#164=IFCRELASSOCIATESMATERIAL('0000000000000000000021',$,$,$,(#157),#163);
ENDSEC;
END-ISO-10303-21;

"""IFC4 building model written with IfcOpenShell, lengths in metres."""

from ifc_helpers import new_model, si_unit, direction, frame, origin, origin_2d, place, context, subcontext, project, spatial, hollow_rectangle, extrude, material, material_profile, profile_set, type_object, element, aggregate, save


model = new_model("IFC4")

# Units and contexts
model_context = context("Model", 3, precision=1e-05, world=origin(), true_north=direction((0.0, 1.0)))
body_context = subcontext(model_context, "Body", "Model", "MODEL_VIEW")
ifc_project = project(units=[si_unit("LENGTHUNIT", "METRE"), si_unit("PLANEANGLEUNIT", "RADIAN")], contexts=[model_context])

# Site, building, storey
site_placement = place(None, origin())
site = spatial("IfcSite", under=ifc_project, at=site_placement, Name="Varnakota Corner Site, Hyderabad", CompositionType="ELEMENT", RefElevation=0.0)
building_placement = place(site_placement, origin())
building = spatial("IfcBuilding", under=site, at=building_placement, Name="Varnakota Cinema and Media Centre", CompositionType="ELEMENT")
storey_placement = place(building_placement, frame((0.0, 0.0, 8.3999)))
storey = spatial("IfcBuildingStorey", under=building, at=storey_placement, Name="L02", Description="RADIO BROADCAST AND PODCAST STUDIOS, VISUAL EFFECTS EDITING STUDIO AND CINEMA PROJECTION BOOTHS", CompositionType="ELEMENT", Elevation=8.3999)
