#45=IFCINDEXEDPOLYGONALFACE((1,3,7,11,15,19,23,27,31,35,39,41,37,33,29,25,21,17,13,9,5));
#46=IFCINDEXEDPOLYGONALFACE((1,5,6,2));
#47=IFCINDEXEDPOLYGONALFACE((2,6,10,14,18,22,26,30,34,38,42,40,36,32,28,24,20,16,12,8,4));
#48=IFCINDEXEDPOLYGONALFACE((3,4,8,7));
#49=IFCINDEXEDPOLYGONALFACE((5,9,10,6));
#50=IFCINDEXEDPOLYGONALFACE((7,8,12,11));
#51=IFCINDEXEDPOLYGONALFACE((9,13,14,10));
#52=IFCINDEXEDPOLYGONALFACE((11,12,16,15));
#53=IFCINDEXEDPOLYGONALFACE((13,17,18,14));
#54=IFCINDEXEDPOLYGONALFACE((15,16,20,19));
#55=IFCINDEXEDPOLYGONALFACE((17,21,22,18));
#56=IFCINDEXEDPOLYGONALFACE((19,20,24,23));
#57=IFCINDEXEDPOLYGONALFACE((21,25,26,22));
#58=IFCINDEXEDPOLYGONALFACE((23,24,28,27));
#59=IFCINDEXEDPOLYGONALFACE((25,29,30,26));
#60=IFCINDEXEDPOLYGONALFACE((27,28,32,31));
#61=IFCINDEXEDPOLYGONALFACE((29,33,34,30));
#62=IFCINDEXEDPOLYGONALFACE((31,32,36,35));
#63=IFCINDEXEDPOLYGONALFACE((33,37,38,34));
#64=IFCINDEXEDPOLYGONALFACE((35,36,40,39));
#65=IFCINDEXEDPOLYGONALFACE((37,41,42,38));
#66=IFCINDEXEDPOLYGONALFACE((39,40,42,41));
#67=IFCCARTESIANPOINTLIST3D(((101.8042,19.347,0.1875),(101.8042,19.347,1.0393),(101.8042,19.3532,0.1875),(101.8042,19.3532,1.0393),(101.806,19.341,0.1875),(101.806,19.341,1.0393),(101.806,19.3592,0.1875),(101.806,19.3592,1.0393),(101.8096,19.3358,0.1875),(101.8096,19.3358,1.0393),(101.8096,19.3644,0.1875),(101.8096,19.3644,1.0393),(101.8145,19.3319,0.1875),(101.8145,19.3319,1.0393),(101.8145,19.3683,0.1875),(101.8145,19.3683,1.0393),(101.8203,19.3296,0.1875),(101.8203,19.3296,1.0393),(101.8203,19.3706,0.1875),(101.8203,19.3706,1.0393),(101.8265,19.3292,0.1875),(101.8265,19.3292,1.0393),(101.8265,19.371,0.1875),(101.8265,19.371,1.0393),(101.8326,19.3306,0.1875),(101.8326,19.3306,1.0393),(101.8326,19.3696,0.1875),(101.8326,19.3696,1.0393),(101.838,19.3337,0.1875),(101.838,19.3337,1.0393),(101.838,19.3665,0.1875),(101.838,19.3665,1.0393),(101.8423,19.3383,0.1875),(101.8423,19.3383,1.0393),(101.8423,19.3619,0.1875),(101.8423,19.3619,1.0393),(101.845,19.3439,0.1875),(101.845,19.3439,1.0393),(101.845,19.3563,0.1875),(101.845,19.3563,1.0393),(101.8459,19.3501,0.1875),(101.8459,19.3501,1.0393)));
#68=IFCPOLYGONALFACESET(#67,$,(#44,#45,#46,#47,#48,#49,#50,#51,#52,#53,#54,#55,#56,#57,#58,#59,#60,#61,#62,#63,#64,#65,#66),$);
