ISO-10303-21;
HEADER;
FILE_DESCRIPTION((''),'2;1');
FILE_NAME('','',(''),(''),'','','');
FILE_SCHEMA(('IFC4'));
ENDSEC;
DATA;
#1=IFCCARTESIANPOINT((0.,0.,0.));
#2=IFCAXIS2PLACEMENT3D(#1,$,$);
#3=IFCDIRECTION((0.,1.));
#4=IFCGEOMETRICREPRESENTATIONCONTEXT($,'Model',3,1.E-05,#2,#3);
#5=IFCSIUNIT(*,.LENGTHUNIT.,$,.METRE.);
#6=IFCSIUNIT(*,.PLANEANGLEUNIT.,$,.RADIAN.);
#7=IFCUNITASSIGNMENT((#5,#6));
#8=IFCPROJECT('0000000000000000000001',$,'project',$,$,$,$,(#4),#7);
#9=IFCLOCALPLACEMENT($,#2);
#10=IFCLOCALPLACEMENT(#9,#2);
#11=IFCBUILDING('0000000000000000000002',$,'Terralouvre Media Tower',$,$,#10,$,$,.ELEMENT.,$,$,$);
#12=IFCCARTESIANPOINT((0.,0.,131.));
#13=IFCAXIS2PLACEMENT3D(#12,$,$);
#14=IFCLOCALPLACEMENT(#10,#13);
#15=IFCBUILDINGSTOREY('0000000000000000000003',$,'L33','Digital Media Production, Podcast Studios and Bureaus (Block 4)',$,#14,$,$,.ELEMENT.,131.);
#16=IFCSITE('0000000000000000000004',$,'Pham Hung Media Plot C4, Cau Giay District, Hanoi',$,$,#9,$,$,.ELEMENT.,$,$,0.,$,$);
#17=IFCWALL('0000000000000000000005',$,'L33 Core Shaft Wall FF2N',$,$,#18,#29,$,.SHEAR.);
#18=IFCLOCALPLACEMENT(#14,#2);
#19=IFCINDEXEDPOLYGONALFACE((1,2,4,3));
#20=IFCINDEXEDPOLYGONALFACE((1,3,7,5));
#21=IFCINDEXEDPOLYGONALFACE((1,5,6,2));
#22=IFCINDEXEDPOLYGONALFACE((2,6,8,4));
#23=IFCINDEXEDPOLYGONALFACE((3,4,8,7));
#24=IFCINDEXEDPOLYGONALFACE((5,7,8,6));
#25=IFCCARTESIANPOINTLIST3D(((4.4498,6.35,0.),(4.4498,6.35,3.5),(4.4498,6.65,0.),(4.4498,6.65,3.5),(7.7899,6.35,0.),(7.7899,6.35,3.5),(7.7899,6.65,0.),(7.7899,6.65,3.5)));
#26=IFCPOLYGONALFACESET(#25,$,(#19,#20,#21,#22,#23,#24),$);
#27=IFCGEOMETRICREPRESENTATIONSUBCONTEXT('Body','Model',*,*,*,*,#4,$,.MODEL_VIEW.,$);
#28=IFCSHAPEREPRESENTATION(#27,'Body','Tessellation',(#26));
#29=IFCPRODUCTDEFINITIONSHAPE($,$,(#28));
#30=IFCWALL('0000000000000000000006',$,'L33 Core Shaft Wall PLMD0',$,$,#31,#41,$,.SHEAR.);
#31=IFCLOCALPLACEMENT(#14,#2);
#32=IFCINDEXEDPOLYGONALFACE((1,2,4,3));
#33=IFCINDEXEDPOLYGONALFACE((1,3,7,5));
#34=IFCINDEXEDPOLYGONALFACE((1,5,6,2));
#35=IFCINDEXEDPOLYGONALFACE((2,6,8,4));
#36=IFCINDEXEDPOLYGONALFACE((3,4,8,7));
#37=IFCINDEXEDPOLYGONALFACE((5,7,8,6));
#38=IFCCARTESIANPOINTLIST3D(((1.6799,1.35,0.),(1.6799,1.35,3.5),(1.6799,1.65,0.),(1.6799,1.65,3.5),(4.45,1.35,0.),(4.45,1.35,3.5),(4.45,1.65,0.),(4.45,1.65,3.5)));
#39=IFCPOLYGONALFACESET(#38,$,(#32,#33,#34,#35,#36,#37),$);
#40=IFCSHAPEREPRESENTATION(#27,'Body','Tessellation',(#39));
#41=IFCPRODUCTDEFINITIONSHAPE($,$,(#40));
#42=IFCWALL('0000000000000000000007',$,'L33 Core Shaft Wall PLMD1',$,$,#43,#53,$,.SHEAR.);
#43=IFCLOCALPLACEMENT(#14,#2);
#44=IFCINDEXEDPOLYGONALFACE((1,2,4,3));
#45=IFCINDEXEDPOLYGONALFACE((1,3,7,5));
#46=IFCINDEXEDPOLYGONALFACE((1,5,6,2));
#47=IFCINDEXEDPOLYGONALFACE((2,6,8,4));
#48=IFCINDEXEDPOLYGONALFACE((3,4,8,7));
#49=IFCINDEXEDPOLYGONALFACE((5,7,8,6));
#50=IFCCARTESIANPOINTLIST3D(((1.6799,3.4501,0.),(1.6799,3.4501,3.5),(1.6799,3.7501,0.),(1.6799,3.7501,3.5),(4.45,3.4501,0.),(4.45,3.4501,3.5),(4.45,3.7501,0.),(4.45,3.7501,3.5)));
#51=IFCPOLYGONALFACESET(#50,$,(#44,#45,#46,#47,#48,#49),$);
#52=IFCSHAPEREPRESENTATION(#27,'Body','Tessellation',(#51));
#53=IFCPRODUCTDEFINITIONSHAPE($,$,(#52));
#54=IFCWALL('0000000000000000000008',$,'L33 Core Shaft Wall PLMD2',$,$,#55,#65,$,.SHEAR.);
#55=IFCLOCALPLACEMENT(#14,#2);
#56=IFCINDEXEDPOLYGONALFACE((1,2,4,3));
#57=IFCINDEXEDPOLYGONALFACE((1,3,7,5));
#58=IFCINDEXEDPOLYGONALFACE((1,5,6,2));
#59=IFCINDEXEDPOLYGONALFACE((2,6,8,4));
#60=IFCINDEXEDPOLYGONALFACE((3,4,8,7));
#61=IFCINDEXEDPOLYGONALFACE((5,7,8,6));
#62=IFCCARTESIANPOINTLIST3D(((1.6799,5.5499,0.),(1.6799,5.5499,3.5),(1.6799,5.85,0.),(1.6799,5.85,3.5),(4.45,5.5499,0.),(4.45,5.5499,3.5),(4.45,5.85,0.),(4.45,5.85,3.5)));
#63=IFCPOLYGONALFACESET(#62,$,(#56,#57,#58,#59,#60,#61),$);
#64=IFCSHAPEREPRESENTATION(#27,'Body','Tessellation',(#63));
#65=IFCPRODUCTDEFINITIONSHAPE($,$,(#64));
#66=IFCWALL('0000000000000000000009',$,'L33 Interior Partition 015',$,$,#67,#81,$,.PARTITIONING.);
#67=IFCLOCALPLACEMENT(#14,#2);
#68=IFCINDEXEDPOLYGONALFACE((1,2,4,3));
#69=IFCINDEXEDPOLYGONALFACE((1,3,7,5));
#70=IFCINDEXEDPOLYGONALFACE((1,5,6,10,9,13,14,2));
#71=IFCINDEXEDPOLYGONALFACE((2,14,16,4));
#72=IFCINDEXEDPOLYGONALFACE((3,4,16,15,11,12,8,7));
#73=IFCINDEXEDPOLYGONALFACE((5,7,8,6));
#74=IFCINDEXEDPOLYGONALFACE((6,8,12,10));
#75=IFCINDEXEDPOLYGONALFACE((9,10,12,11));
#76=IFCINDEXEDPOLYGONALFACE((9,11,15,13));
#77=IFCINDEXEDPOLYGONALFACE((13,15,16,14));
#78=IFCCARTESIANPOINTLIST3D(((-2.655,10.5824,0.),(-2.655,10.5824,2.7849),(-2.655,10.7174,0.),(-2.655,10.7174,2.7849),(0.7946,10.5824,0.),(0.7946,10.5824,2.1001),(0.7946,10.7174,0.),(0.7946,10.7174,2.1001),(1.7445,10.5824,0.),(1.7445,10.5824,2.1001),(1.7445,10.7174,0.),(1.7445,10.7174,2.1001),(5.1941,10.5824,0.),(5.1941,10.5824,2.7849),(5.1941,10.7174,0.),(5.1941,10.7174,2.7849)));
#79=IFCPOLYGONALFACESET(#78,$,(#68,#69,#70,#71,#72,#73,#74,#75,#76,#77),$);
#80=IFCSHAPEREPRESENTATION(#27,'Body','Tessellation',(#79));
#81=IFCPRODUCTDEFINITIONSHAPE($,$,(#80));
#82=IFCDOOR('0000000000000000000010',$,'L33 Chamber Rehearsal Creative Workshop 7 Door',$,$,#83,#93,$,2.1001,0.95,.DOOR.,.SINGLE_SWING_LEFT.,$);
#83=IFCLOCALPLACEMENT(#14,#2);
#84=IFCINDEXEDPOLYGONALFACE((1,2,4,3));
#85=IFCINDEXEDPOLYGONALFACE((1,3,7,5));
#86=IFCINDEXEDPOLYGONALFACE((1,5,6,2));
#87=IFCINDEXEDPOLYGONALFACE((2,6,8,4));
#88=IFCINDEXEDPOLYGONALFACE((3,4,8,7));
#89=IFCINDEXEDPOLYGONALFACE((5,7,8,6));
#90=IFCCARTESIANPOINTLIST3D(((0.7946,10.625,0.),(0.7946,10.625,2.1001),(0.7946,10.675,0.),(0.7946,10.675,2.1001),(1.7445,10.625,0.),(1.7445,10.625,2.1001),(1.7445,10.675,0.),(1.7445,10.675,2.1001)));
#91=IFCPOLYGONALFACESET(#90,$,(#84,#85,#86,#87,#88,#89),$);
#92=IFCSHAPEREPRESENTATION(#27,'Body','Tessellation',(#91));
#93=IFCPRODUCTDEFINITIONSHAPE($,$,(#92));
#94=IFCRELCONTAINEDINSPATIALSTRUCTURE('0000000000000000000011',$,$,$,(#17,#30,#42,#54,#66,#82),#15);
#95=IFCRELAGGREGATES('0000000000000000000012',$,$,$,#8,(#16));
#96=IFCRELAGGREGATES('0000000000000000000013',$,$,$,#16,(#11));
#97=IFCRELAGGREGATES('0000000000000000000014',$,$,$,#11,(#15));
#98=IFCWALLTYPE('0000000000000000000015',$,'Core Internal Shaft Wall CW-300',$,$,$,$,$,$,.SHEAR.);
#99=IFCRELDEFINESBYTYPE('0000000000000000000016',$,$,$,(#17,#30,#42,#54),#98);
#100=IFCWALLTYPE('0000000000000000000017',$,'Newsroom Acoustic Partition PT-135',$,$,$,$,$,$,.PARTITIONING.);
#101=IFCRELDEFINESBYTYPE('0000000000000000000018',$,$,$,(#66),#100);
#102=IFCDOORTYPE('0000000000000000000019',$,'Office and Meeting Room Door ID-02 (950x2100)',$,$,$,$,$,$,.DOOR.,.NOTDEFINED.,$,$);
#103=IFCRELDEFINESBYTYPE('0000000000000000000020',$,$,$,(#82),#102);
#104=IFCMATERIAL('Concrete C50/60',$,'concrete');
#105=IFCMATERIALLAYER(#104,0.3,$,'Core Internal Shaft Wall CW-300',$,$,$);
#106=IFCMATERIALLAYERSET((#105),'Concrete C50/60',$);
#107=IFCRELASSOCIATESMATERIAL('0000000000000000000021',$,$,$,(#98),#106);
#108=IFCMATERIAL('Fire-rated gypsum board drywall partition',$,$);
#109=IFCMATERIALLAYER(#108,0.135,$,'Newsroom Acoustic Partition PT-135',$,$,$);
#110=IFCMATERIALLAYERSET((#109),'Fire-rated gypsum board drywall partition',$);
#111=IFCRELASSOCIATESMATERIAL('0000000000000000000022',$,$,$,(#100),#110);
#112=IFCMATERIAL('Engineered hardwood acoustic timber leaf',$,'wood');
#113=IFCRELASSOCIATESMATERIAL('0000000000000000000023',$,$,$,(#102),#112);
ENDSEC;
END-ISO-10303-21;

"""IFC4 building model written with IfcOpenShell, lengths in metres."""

from ifc_helpers import new_model, si_unit, direction, frame, frame_2d, origin, place, context, subcontext, project, spatial, rectangle, extrude, material, layer, layer_set, type_object, element, fill, save


model = new_model("IFC4")

# Units and contexts
model_context = context("Model", 3, precision=1e-05, world=origin(), true_north=direction((0.0, 1.0)))
body_context = subcontext(model_context, "Body", "Model", "MODEL_VIEW")
ifc_project = project(units=[si_unit("LENGTHUNIT", "METRE"), si_unit("PLANEANGLEUNIT", "RADIAN")], contexts=[model_context])

# Site, building, storey
site_placement = place(None, origin())
site = spatial("IfcSite", under=ifc_project, at=site_placement, Name="Pham Hung Media Plot C4, Cau Giay District, Hanoi", CompositionType="ELEMENT", RefElevation=0.0)
building_placement = place(site_placement, origin())
building = spatial("IfcBuilding", under=site, at=building_placement, Name="Terralouvre Media Tower", CompositionType="ELEMENT")
storey_placement = place(building_placement, frame((0.0, 0.0, 131.0)))
storey = spatial("IfcBuildingStorey", under=building, at=storey_placement, Name="L33", Description="Digital Media Production, Podcast Studios and Bureaus (Block 4)", CompositionType="ELEMENT", Elevation=131.0)

# Shared definitions
ifc_material_1 = material(Name="Concrete C50/60", Category="concrete")
ifc_layer_1 = layer(ifc_material_1, 0.3, Name="Core Internal Shaft Wall CW-300")
ifc_layer_set_1 = layer_set([ifc_layer_1], Name="Concrete C50/60")
wall_type_1 = type_object("IfcWallType", Name="Core Internal Shaft Wall CW-300", PredefinedType="SHEAR", material=ifc_layer_set_1)

# Walls
wall_1_placement = place(storey_placement, frame((4.45, 6.5, 0.0), z_axis=(0.0, 0.0, 1.0), x_axis=(1.0, 0.0, 0.0)))
element("IfcWall", 1, at=wall_1_placement, inside=storey, type_object=wall_type_1, Name="L33 Core Shaft Wall FF2N", PredefinedType="SHEAR", context=body_context, shape_type="SweptSolid", body=[
    extrude(rectangle(XDim=3.3401, YDim=0.3, at=frame_2d((1.6699, 0.0))), origin(), (0.0, 0.0, 1.0), 3.5),
])
for number, where, z_axis, x_axis, name in (
    (2, (1.6799, 1.5, 0.0), (0.0, 0.0, 1.0), (1.0, 0.0, 0.0), "L33 Core Shaft Wall PLMD0"),
    (3, (1.6799, 3.6001, 0.0), (0.0, 0.0, 1.0), (1.0, 0.0, 0.0), "L33 Core Shaft Wall PLMD1"),
    (4, (1.6799, 5.7, 0.0), (0.0, 0.0, 1.0), (1.0, 0.0, 0.0), "L33 Core Shaft Wall PLMD2"),
):
    element("IfcWall", number, at=place(storey_placement, frame(where, z_axis=z_axis, x_axis=x_axis)), inside=storey, type_object=wall_type_1, Name=name, PredefinedType="SHEAR", context=body_context, shape_type="SweptSolid", body=[
        extrude(rectangle(XDim=2.77, YDim=0.3, at=frame_2d((1.385, 0.0))), origin(), (0.0, 0.0, 1.0), 3.5),
    ])

# Wall, opening, door
ifc_material_2 = material(Name="Fire-rated gypsum board drywall partition")
ifc_layer_2 = layer(ifc_material_2, 0.135, Name="Newsroom Acoustic Partition PT-135")
ifc_layer_set_2 = layer_set([ifc_layer_2], Name="Fire-rated gypsum board drywall partition")
wall_type_2 = type_object("IfcWallType", Name="Newsroom Acoustic Partition PT-135", PredefinedType="PARTITIONING", material=ifc_layer_set_2)
wall_2_placement = place(storey_placement, frame((5.1941, 10.6499, 0.0), z_axis=(0.0, 0.0, 1.0), x_axis=(-1.0, 0.0, 0.0)))
wall_2 = element("IfcWall", 5, at=wall_2_placement, inside=storey, type_object=wall_type_2, Name="L33 Interior Partition 015", PredefinedType="PARTITIONING", context=body_context, shape_type="SweptSolid", body=[
    extrude(rectangle(XDim=7.8491, YDim=0.135, at=frame_2d((3.9246, 0.0))), origin(), (0.0, 0.0, 1.0), 2.7849),
])
opening_1_placement = place(wall_2_placement, frame((3.4495, 0.0, 0.0)))
opening_1 = element("IfcOpeningElement", 6, at=opening_1_placement, cuts=wall_2, PredefinedType="OPENING", context=body_context, shape_type="SweptSolid", body=[
    extrude(rectangle(XDim=0.95, YDim=2.1001, at=frame_2d((0.4751, 1.05))), frame((0.0, 0.0774, 0.0), z_axis=(0.0, -1.0, 0.0), x_axis=(1.0, 0.0, 0.0)), (0.0, 0.0, 1.0), 0.155),
])
ifc_material_3 = material(Name="Engineered hardwood acoustic timber leaf", Category="wood")
door_type_1 = type_object("IfcDoorType", Name="Office and Meeting Room Door ID-02 (950x2100)", OperationType="NOTDEFINED", PredefinedType="DOOR", material=ifc_material_3)
door_1_placement = place(opening_1_placement, origin())
door_1 = element("IfcDoor", 7, at=door_1_placement, inside=storey, type_object=door_type_1, Name="L33 Chamber Rehearsal Creative Workshop 7 Door", OperationType="SINGLE_SWING_LEFT", OverallHeight=2.1001, OverallWidth=0.95, PredefinedType="DOOR", context=body_context, shape_type="SweptSolid", body=[
    extrude(rectangle(XDim=0.95, YDim=2.1001, at=frame_2d((0.4751, 1.05))), frame((0.0, 0.0249, 0.0), z_axis=(0.0, -1.0, 0.0), x_axis=(1.0, 0.0, 0.0)), (0.0, 0.0, 1.0), 0.05),
])
fill(opening_1, door_1)

save(model, "model.ifc")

----------

◆ Task to carry out
Out of the entries above, write out only the lines between the line holding "#84=IFCINDEXEDPOLYGONALFACE((1,2,4,3));" and the line holding "#89=IFCINDEXEDPOLYGONALFACE((5,7,8,6));", inclusive, each exactly as given.

◆ Answer below
#84=IFCINDEXEDPOLYGONALFACE((1,2,4,3));
#85=IFCINDEXEDPOLYGONALFACE((1,3,7,5));
#86=IFCINDEXEDPOLYGONALFACE((1,5,6,2));
#87=IFCINDEXEDPOLYGONALFACE((2,6,8,4));
#88=IFCINDEXEDPOLYGONALFACE((3,4,8,7));
#89=IFCINDEXEDPOLYGONALFACE((5,7,8,6));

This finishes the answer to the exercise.